EXERCISE: Scan the material below for the word "Hotel", then copy every line in which it appears.

SUPPLIED ENTRIES:
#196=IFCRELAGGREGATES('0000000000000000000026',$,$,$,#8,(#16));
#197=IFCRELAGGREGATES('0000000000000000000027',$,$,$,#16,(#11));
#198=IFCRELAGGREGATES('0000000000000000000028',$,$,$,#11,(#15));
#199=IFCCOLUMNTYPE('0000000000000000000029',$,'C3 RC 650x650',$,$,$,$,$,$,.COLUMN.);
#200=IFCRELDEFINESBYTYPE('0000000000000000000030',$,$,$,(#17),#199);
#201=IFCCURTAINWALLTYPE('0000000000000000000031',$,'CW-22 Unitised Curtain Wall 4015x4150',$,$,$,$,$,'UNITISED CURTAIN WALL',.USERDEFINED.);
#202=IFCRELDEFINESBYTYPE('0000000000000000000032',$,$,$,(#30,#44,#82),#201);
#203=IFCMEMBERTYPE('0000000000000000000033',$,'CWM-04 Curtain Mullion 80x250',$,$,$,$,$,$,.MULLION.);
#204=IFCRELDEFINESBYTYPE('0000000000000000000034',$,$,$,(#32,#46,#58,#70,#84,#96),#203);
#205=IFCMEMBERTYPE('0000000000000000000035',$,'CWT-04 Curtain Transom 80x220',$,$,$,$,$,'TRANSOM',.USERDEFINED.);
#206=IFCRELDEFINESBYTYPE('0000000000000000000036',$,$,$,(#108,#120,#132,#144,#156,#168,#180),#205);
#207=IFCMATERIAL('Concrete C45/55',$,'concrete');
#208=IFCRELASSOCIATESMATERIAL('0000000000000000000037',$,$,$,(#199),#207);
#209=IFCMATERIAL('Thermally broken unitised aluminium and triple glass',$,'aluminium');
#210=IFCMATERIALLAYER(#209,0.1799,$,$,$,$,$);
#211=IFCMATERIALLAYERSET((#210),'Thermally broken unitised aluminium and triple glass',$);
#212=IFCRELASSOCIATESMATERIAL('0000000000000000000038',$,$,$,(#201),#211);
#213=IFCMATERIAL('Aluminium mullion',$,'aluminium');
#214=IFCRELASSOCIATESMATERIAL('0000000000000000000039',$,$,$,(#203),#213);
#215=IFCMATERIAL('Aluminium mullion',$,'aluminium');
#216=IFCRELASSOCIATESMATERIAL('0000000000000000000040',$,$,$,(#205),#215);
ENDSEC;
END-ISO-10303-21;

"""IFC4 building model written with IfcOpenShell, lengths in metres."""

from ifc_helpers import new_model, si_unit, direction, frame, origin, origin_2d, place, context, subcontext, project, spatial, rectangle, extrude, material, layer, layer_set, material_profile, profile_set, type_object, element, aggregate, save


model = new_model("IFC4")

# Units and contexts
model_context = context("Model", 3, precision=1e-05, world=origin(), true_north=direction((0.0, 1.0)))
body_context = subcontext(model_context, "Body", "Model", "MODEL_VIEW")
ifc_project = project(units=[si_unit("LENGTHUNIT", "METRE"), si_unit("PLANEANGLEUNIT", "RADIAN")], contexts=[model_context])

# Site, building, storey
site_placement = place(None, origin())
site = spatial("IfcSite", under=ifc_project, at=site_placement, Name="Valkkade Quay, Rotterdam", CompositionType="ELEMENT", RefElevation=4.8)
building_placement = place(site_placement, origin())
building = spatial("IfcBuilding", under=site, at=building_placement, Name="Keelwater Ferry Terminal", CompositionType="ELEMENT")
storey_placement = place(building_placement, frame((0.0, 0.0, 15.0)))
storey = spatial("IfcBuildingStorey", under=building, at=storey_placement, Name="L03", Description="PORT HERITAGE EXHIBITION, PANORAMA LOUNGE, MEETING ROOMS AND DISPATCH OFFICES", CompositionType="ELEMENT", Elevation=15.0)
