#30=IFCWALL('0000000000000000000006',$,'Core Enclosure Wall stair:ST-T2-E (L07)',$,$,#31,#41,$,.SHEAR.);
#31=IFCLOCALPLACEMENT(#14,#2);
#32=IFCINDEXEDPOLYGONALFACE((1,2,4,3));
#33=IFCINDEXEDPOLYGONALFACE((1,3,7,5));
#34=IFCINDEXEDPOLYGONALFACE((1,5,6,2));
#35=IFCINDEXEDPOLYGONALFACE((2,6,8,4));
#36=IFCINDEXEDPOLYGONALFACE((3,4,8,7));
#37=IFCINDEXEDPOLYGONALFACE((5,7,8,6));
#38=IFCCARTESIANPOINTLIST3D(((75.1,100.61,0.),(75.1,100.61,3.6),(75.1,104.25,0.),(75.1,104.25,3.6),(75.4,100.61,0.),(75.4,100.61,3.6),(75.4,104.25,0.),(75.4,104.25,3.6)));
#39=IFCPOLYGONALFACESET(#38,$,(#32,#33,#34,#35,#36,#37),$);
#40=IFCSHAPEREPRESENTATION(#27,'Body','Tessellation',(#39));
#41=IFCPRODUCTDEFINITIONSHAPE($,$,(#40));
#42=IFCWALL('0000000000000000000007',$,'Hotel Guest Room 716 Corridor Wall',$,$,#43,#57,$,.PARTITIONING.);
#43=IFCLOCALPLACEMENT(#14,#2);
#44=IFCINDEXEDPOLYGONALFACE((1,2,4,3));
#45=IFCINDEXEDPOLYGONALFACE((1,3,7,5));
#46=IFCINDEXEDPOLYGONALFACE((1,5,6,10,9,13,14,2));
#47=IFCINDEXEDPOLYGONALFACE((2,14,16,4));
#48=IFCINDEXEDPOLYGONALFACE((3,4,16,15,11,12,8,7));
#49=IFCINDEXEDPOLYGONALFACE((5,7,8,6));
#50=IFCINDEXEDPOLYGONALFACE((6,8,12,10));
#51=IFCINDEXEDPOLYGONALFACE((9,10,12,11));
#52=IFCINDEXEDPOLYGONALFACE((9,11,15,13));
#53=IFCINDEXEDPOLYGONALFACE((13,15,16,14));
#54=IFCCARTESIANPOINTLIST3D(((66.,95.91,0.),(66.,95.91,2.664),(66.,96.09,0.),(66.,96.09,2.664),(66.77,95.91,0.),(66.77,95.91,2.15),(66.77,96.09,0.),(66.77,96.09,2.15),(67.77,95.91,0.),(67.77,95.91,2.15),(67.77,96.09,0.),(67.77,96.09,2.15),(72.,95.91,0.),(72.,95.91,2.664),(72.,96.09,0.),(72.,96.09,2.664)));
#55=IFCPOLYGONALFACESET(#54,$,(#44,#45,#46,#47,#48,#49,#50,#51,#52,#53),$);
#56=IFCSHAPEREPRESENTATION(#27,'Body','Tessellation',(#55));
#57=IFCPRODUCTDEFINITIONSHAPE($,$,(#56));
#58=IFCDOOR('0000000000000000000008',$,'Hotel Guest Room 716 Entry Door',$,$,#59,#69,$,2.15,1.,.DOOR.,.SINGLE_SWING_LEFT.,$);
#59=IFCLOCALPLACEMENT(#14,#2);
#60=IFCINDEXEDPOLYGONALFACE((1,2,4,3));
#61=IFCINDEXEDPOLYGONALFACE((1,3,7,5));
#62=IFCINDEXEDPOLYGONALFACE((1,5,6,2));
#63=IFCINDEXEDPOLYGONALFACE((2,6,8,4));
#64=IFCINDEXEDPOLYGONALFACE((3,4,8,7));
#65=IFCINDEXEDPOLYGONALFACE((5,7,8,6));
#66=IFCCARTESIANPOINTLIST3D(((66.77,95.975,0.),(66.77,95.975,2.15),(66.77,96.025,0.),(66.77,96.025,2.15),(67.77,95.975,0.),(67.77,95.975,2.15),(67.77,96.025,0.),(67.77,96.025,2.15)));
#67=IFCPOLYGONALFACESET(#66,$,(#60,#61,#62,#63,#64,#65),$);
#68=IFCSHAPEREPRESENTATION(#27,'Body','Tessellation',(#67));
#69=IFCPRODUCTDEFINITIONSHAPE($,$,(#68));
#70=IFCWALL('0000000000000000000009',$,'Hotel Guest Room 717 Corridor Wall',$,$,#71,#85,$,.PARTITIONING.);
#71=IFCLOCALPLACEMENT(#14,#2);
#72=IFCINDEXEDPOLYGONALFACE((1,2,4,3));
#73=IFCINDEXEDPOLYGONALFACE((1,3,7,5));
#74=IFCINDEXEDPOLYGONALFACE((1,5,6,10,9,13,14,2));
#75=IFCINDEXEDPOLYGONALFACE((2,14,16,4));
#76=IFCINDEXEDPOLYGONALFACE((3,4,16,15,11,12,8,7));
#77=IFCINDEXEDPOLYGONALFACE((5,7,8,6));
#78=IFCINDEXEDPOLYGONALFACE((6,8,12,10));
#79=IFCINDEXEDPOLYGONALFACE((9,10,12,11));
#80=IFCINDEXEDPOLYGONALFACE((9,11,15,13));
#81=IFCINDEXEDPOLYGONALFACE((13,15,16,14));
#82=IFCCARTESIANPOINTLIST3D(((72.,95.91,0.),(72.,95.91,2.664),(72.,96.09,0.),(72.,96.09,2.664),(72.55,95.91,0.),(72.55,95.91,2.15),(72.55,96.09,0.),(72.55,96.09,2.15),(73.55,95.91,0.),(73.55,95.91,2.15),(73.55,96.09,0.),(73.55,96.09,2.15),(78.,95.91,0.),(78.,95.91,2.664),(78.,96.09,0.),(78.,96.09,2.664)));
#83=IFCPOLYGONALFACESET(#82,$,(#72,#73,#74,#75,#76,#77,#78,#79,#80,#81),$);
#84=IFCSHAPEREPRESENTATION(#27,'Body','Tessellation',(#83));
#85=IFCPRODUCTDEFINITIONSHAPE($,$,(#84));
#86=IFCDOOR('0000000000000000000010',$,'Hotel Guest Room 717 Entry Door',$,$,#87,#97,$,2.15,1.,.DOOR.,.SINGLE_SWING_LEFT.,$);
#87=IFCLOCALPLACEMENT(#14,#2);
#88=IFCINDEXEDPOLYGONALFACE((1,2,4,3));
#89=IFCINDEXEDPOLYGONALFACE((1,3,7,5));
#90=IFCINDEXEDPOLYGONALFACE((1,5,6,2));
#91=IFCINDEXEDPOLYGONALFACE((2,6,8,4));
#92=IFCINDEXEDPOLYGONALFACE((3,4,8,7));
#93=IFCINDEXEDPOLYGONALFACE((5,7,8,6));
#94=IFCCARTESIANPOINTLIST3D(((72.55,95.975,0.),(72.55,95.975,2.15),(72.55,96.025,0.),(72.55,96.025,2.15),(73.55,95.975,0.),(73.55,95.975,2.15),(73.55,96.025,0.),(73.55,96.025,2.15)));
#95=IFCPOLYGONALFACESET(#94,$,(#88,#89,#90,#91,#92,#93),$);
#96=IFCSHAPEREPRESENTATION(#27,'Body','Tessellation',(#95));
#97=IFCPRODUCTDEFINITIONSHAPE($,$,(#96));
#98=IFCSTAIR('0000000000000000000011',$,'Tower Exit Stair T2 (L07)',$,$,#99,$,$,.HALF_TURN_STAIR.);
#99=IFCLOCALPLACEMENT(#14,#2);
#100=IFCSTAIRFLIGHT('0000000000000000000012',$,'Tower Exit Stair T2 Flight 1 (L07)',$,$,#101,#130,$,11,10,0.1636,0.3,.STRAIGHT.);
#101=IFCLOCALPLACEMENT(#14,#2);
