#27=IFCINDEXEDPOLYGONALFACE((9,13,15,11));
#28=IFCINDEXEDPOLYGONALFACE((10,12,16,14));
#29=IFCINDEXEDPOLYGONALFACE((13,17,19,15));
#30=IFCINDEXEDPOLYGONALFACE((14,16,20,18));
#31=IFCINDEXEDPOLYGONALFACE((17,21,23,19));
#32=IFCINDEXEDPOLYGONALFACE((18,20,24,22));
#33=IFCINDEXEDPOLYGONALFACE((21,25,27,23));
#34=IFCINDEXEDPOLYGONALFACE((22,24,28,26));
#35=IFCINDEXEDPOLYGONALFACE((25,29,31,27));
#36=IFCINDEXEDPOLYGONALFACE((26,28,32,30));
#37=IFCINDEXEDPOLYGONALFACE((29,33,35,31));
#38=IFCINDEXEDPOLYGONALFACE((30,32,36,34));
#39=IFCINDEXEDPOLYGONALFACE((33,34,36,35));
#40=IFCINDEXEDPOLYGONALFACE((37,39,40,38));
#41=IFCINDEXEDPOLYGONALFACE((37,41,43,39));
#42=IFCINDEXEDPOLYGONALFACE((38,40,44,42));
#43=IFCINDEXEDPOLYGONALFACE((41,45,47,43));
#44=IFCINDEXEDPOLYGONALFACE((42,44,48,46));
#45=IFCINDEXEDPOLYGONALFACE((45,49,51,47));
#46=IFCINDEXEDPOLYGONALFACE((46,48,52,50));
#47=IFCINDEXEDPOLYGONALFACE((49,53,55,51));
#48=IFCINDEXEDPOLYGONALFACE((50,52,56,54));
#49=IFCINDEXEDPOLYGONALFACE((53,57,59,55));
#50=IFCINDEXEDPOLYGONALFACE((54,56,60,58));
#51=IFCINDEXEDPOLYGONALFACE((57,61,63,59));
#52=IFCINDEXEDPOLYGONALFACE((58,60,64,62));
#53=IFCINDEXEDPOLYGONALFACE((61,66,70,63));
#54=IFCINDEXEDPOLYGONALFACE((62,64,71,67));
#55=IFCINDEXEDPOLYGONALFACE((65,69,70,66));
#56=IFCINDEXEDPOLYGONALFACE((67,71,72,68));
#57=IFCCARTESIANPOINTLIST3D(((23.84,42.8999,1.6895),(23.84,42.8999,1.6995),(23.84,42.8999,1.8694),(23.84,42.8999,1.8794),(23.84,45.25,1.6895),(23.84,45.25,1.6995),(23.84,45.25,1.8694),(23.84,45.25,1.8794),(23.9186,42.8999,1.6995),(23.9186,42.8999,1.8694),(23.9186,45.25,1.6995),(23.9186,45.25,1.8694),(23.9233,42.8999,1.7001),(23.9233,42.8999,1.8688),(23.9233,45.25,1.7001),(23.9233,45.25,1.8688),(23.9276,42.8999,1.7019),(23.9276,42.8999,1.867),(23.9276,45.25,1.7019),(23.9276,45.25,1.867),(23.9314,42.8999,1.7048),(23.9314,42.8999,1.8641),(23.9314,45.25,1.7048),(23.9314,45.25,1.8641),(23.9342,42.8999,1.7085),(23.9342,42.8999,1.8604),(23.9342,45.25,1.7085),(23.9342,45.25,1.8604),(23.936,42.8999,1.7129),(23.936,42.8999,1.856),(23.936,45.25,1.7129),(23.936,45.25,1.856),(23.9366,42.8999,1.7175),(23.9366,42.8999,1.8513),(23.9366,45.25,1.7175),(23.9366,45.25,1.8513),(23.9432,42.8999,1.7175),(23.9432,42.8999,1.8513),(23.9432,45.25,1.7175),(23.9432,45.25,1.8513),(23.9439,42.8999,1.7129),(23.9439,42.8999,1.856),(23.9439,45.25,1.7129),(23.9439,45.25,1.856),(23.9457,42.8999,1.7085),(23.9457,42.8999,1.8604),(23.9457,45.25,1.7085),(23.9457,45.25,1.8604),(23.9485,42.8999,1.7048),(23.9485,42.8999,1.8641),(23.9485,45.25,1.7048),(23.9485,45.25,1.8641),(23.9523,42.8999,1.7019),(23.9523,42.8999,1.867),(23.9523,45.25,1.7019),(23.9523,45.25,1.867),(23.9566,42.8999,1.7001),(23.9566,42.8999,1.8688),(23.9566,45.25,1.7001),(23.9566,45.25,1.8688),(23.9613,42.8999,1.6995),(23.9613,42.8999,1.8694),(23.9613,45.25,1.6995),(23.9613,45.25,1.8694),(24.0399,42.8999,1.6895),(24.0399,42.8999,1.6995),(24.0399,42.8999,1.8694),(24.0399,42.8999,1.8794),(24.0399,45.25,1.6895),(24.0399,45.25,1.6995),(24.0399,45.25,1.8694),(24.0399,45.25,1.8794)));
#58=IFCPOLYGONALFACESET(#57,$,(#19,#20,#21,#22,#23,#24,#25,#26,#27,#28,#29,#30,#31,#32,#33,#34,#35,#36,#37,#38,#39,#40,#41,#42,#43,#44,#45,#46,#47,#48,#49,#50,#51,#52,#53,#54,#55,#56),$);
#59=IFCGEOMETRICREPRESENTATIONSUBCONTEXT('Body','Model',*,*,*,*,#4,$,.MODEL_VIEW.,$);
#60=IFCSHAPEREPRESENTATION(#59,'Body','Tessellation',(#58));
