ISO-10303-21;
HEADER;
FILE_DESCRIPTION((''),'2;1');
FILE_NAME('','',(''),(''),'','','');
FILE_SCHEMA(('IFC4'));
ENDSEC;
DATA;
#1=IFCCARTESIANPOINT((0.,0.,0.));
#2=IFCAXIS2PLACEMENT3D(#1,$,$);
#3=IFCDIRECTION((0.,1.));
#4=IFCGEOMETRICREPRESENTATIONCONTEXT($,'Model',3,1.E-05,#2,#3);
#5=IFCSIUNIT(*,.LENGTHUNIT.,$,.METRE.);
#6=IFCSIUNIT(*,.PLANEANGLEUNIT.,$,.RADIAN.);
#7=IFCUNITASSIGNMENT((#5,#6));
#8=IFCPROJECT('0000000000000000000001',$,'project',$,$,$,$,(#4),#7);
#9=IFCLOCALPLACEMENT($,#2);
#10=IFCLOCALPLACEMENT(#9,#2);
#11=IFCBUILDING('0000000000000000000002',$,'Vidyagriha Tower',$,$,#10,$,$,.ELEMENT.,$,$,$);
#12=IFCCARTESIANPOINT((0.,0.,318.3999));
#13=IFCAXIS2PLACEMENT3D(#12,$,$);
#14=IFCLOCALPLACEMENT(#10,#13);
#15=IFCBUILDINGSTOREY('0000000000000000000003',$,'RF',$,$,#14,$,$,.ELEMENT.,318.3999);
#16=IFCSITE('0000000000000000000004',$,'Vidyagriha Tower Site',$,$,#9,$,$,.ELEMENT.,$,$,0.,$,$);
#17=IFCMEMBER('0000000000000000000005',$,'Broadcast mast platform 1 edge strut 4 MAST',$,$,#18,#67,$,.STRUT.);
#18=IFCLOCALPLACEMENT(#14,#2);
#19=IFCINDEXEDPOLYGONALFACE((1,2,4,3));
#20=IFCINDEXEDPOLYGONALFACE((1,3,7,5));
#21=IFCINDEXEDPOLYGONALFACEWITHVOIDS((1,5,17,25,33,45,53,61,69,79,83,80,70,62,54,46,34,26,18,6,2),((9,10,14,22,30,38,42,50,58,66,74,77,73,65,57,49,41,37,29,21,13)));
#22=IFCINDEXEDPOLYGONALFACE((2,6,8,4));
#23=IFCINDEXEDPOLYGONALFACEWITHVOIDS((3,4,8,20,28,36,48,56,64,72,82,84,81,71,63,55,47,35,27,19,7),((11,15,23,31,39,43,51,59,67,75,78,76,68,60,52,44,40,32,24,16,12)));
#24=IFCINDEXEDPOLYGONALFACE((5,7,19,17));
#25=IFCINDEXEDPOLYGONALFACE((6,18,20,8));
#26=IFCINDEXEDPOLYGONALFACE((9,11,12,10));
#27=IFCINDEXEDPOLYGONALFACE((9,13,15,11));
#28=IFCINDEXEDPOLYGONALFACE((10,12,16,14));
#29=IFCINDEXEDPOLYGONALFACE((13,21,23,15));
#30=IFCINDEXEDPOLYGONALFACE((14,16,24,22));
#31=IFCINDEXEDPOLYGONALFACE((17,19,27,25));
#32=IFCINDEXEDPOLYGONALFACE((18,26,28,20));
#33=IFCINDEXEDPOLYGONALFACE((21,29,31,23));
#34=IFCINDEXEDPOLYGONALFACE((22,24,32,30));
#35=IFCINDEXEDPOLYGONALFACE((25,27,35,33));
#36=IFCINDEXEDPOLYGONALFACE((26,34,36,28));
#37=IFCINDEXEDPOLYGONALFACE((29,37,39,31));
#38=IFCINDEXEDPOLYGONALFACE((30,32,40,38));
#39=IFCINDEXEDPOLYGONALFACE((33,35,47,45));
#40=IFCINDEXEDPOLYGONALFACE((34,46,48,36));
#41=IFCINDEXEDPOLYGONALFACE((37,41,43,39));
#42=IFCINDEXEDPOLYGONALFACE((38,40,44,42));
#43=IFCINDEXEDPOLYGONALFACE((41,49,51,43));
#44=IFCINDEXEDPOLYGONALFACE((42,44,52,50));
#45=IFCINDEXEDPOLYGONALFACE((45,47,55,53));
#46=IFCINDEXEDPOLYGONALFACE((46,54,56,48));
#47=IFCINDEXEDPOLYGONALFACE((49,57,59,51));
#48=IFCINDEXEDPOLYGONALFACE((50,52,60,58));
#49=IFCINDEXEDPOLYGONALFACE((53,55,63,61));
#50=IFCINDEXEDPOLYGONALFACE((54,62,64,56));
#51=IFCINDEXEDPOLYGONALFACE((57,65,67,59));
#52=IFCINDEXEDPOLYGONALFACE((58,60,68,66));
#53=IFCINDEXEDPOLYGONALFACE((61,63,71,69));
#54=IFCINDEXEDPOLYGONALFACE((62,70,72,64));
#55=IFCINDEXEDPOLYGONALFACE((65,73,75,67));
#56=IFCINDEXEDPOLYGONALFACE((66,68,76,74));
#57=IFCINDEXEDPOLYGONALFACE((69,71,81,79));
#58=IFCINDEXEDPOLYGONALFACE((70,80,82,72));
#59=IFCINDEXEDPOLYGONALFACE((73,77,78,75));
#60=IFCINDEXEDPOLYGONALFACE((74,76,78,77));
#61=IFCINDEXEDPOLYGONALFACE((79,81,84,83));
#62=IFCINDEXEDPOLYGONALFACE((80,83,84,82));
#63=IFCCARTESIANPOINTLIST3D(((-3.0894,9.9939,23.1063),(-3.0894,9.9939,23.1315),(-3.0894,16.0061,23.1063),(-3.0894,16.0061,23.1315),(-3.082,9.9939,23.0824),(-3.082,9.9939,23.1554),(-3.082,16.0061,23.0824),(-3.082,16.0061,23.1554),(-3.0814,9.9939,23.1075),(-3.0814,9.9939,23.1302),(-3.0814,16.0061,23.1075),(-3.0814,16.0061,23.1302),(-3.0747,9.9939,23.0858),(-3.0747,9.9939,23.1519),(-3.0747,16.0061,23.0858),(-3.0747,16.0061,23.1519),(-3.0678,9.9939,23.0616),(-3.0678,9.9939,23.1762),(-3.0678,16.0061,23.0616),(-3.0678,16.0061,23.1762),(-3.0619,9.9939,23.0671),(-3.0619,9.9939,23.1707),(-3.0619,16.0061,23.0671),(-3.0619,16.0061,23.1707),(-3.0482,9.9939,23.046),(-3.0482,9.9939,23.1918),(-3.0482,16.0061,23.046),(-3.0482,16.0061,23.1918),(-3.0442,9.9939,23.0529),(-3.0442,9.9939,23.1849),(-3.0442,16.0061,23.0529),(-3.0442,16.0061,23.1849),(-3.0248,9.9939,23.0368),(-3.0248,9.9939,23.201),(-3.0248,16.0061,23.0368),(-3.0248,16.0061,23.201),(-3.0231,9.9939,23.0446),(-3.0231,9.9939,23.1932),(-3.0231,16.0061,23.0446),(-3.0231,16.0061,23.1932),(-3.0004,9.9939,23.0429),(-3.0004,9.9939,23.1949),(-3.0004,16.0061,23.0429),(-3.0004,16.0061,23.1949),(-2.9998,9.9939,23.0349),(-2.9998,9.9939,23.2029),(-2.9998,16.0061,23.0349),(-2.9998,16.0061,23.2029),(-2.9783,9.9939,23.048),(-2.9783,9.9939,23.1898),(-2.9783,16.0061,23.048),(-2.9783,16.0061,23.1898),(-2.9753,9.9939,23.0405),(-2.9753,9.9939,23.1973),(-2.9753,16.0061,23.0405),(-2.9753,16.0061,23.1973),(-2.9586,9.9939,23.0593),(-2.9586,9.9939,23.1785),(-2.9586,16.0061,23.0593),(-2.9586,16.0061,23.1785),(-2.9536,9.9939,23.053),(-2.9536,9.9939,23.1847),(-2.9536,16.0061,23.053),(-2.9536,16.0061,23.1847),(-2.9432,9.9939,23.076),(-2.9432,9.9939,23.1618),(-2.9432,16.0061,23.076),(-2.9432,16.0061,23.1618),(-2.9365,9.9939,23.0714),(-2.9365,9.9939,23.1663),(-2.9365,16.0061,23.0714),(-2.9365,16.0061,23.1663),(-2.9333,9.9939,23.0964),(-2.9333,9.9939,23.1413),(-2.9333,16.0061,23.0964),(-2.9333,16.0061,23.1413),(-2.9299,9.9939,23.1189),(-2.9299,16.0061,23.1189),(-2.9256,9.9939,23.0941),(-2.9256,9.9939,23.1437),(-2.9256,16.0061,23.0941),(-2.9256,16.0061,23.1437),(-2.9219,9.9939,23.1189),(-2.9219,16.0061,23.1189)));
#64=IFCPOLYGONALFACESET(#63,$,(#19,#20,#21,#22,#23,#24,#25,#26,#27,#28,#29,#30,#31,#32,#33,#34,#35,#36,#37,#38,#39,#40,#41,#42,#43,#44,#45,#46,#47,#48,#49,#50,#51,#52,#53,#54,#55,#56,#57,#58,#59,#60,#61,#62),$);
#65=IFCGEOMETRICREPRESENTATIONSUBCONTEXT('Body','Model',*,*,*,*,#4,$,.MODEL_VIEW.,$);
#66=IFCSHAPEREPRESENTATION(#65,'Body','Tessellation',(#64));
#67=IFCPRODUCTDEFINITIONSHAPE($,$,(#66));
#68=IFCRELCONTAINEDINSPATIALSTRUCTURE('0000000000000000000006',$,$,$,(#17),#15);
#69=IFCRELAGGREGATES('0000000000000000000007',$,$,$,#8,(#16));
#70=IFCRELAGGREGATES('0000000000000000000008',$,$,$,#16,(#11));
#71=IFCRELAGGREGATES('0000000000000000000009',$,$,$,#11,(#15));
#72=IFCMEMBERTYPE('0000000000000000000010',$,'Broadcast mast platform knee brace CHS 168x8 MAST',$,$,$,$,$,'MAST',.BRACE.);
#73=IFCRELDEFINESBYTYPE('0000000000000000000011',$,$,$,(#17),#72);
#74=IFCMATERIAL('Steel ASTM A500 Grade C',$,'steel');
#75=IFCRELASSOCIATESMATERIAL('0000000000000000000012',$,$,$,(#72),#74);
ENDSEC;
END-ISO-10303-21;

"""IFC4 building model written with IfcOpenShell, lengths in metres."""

from ifc_helpers import new_model, si_unit, direction, frame, origin, origin_2d, place, context, subcontext, project, spatial, hollow_circle, extrude, material, material_profile, profile_set, type_object, element, save


model = new_model("IFC4")

# Units and contexts
model_context = context("Model", 3, precision=1e-05, world=origin(), true_north=direction((0.0, 1.0)))
body_context = subcontext(model_context, "Body", "Model", "MODEL_VIEW")
ifc_project = project(units=[si_unit("LENGTHUNIT", "METRE"), si_unit("PLANEANGLEUNIT", "RADIAN")], contexts=[model_context])

# Site, building, storey
site_placement = place(None, origin())
site = spatial("IfcSite", under=ifc_project, at=site_placement, Name="Vidyagriha Tower Site", CompositionType="ELEMENT", RefElevation=0.0)
building_placement = place(site_placement, origin())
building = spatial("IfcBuilding", under=site, at=building_placement, Name="Vidyagriha Tower", CompositionType="ELEMENT")
storey_placement = place(building_placement, frame((0.0, 0.0, 318.3999)))
storey = spatial("IfcBuildingStorey", under=building, at=storey_placement, Name="RF", CompositionType="ELEMENT", Elevation=318.3999)

# Member
ifc_material_1 = material(Name="Steel ASTM A500 Grade C", Category="steel")
ifc_material_profile_1 = material_profile(ifc_material_1, hollow_circle(Radius=0.0842, WallThickness=0.0081, at=origin_2d()), Name="Broadcast mast platform knee brace CHS 168x8 MAST")
ifc_profile_set_1 = profile_set([ifc_material_profile_1], Name="Steel ASTM A500 Grade C")
member_type_1 = type_object("IfcMemberType", Name="Broadcast mast platform knee brace CHS 168x8 MAST", ElementType="MAST", PredefinedType="BRACE", material=ifc_profile_set_1)
member_1_placement = place(storey_placement, frame((-3.0061, 16.0061, 23.1189), z_axis=(0.0, -1.0, 0.0), x_axis=(1.0, 0.0, 0.0)))
element("IfcMember", 1, at=member_1_placement, inside=storey, type_object=member_type_1, Name="Broadcast mast platform 1 edge strut 4 MAST", PredefinedType="STRUT", context=body_context, shape_type="SweptSolid", body=[
    extrude(hollow_circle(Radius=0.0842, WallThickness=0.0081, at=origin_2d()), origin(), (0.0, 0.0, 1.0), 6.0122),
])

save(model, "model.ifc")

TASK SOLUTION:
#42=IFCWALL('0000000000000000000007',$,'Hotel Guest Room 716 Corridor Wall',$,$,#43,#57,$,.PARTITIONING.);
#58=IFCDOOR('0000000000000000000008',$,'Hotel Guest Room 716 Entry Door',$,$,#59,#69,$,2.15,1.,.DOOR.,.SINGLE_SWING_LEFT.,$);
#70=IFCWALL('0000000000000000000009',$,'Hotel Guest Room 717 Corridor Wall',$,$,#71,#85,$,.PARTITIONING.);
#86=IFCDOOR('0000000000000000000010',$,'Hotel Guest Room 717 Entry Door',$,$,#87,#97,$,2.15,1.,.DOOR.,.SINGLE_SWING_LEFT.,$);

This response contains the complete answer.